Prompt: Check each line of the data below for the word "Unitised", then extract the ones that have it.

===== Dataset entries

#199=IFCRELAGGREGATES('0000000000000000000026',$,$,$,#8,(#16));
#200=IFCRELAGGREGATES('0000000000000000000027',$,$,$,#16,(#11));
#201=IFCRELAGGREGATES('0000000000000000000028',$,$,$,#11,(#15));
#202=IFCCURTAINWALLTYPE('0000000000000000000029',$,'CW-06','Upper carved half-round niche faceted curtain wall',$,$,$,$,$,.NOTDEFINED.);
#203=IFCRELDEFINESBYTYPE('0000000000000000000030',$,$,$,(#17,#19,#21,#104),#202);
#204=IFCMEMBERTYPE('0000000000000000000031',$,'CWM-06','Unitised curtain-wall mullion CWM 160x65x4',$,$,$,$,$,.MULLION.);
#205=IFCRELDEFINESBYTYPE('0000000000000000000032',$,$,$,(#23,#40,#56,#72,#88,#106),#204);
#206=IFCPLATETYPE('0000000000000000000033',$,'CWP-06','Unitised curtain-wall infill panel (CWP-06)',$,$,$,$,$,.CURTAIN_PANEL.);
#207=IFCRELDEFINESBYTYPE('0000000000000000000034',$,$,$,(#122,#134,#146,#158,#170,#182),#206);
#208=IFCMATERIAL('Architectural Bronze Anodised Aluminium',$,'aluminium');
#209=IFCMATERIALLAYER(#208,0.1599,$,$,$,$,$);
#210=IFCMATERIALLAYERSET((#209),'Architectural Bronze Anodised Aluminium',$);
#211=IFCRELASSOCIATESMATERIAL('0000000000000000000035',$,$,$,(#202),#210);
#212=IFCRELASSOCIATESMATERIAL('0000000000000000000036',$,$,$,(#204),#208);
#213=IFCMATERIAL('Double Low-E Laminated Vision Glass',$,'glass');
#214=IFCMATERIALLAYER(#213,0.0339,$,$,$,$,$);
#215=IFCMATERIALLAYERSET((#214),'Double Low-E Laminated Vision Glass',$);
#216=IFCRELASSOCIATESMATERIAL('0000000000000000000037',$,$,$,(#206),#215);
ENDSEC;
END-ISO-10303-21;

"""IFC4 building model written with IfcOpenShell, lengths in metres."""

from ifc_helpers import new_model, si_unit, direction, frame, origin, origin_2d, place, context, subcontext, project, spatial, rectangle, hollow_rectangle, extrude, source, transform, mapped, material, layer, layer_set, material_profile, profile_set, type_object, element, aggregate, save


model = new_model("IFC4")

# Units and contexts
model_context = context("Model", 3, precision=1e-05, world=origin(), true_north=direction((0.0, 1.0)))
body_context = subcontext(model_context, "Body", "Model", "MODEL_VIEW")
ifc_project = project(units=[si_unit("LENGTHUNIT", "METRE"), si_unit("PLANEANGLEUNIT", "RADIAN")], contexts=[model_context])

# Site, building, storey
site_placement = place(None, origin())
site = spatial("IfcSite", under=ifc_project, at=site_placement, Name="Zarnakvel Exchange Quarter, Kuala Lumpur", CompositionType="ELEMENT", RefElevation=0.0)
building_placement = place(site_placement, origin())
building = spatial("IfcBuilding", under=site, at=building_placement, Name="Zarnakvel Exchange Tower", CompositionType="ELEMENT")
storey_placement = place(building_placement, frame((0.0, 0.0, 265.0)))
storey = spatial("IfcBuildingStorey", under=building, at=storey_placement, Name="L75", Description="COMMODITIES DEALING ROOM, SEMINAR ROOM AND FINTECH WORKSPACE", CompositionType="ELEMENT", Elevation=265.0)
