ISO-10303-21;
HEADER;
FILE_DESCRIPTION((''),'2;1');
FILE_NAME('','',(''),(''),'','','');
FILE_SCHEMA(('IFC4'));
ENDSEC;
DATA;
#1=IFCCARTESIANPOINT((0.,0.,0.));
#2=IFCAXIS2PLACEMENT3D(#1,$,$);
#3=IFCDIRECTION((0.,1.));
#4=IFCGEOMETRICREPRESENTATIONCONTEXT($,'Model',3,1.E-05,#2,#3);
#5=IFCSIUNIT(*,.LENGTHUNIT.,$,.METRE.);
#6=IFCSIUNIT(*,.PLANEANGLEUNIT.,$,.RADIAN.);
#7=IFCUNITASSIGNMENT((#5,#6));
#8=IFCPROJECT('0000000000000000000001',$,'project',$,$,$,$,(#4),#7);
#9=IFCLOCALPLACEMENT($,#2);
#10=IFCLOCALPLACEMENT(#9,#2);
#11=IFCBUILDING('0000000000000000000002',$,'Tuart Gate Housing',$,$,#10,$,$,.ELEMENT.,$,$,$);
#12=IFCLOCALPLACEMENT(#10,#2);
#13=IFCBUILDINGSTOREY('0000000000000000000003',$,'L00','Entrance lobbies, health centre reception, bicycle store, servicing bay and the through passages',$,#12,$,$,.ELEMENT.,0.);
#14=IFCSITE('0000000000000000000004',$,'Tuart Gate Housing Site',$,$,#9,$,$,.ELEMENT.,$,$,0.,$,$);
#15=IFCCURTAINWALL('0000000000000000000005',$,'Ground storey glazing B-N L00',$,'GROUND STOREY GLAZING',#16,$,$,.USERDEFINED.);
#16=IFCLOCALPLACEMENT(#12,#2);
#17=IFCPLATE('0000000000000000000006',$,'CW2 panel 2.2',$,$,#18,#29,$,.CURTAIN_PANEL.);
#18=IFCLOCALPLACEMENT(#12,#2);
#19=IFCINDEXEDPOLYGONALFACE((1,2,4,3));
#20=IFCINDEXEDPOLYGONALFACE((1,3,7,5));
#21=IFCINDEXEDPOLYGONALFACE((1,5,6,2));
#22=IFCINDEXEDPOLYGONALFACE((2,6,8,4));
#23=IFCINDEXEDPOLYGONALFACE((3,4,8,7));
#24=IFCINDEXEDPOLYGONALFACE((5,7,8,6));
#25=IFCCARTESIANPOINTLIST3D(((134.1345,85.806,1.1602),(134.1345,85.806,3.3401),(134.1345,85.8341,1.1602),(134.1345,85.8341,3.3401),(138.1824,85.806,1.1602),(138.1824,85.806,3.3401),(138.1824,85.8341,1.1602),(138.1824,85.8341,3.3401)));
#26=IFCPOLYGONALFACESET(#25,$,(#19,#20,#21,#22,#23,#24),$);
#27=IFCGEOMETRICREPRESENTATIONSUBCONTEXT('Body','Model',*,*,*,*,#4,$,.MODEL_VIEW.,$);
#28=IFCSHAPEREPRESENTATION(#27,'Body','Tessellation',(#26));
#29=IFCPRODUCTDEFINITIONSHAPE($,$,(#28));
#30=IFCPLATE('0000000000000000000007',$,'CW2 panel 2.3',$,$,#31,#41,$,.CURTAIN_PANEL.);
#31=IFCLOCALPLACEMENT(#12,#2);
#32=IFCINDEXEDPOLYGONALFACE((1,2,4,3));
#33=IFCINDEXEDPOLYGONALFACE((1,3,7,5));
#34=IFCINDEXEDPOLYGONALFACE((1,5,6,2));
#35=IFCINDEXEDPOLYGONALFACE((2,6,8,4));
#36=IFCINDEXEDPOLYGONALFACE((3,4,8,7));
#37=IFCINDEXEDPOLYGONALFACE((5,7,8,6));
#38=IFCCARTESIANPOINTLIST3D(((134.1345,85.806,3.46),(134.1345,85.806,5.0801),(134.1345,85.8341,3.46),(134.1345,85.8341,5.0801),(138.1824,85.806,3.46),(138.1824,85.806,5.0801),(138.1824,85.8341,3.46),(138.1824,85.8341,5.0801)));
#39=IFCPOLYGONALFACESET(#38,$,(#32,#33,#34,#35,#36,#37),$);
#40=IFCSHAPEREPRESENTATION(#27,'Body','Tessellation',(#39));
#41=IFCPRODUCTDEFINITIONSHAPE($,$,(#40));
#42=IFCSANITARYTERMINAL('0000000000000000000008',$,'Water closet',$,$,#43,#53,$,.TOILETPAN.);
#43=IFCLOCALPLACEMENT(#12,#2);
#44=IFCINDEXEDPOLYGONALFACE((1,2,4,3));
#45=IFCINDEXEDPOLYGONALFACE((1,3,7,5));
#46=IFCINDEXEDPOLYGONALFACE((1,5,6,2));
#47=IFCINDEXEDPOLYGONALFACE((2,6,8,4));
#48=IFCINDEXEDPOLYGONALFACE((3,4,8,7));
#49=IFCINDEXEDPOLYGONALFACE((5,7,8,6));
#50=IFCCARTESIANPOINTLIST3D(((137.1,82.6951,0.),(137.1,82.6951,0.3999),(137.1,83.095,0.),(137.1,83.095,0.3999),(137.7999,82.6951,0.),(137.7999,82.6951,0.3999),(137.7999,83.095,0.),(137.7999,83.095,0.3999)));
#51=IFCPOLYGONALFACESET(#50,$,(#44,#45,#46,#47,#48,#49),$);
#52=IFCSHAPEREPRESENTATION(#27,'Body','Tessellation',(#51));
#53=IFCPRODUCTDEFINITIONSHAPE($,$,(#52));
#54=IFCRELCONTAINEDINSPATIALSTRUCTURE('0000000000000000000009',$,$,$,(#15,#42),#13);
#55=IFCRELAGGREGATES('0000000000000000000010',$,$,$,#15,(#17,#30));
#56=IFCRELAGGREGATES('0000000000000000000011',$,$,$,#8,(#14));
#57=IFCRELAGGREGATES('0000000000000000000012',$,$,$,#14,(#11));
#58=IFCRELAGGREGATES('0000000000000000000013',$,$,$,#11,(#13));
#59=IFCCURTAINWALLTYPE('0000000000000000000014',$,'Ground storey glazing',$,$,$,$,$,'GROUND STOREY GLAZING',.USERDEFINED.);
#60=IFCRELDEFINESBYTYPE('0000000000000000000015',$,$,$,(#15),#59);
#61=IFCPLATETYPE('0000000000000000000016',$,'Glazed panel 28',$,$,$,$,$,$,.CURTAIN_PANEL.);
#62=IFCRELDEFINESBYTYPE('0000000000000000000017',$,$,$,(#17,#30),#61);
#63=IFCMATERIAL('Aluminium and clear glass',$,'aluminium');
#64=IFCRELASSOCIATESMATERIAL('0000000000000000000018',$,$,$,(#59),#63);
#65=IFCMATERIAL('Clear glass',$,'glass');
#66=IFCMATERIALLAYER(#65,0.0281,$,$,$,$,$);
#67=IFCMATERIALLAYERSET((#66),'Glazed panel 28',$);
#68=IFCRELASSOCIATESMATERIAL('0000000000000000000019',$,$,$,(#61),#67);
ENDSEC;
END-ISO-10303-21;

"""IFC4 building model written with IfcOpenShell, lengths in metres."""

from ifc_helpers import new_model, si_unit, direction, frame, origin, origin_2d, place, context, subcontext, project, spatial, rectangle, extrude, material, layer, layer_set, type_object, element, aggregate, save


model = new_model("IFC4")

# Units and contexts
model_context = context("Model", 3, precision=1e-05, world=origin(), true_north=direction((0.0, 1.0)))
body_context = subcontext(model_context, "Body", "Model", "MODEL_VIEW")
ifc_project = project(units=[si_unit("LENGTHUNIT", "METRE"), si_unit("PLANEANGLEUNIT", "RADIAN")], contexts=[model_context])

# Site, building, storey
site_placement = place(None, origin())
site = spatial("IfcSite", under=ifc_project, at=site_placement, Name="Tuart Gate Housing Site", CompositionType="ELEMENT", RefElevation=0.0)
building_placement = place(site_placement, origin())
building = spatial("IfcBuilding", under=site, at=building_placement, Name="Tuart Gate Housing", CompositionType="ELEMENT")
storey_placement = place(building_placement, origin())
storey = spatial("IfcBuildingStorey", under=building, at=storey_placement, Name="L00", Description="Entrance lobbies, health centre reception, bicycle store, servicing bay and the through passages", CompositionType="ELEMENT", Elevation=0.0)

# Curtain wall, plates
ifc_material_1 = material(Name="Aluminium and clear glass", Category="aluminium")
curtain_wall_type = type_object("IfcCurtainWallType", Name="Ground storey glazing", ElementType="GROUND STOREY GLAZING", PredefinedType="USERDEFINED", material=ifc_material_1)
curtain_wall_placement = place(storey_placement, origin())
curtain_wall = element("IfcCurtainWall", 1, at=curtain_wall_placement, inside=storey, type_object=curtain_wall_type, Name="Ground storey glazing B-N L00", ObjectType="GROUND STOREY GLAZING", PredefinedType="USERDEFINED")
ifc_material_2 = material(Name="Clear glass", Category="glass")
ifc_layer = layer(ifc_material_2, 0.0281)
ifc_layer_set = layer_set([ifc_layer], Name="Glazed panel 28")
plate_type = type_object("IfcPlateType", Name="Glazed panel 28", PredefinedType="CURTAIN_PANEL", material=ifc_layer_set)
plate_1_placement = place(storey_placement, frame((136.1584, 85.8201, 1.1602), z_axis=(0.0, 0.0, 1.0), x_axis=(-1.0, 0.0, 0.0)))
plate_1 = element("IfcPlate", 2, at=plate_1_placement, type_object=plate_type, Name="CW2 panel 2.2", PredefinedType="CURTAIN_PANEL", context=body_context, shape_type="SweptSolid", body=[
    extrude(rectangle(XDim=4.0479, YDim=0.0281, at=origin_2d()), origin(), (0.0, 0.0, 1.0), 2.1799),
])
plate_2_placement = place(storey_placement, frame((136.1584, 85.8201, 3.46), z_axis=(0.0, 0.0, 1.0), x_axis=(-1.0, 0.0, 0.0)))
plate_2 = element("IfcPlate", 3, at=plate_2_placement, type_object=plate_type, Name="CW2 panel 2.3", PredefinedType="CURTAIN_PANEL", context=body_context, shape_type="SweptSolid", body=[
    extrude(rectangle(XDim=4.0479, YDim=0.0281, at=origin_2d()), origin(), (0.0, 0.0, 1.0), 1.6201),
])
aggregate(curtain_wall, [plate_1, plate_2])

# Sanitary terminal
sanitary_terminal_placement = place(storey_placement, frame((137.45, 82.895, 0.0), z_axis=(0.0, 0.0, 1.0), x_axis=(1.0, 0.0, 0.0)))
element("IfcSanitaryTerminal", 4, at=sanitary_terminal_placement, inside=storey, Name="Water closet", PredefinedType="TOILETPAN", context=body_context, shape_type="SweptSolid", body=[
    extrude(rectangle(XDim=0.7, YDim=0.3999, at=origin_2d()), origin(), (0.0, 0.0, 1.0), 0.3999),
])

save(model, "model.ifc")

==========

Answer box:
#204=IFCMEMBERTYPE('0000000000000000000031',$,'CWM-06','Unitised curtain-wall mullion CWM 160x65x4',$,$,$,$,$,.MULLION.);
#206=IFCPLATETYPE('0000000000000000000033',$,'CWP-06','Unitised curtain-wall infill panel (CWP-06)',$,$,$,$,$,.CURTAIN_PANEL.);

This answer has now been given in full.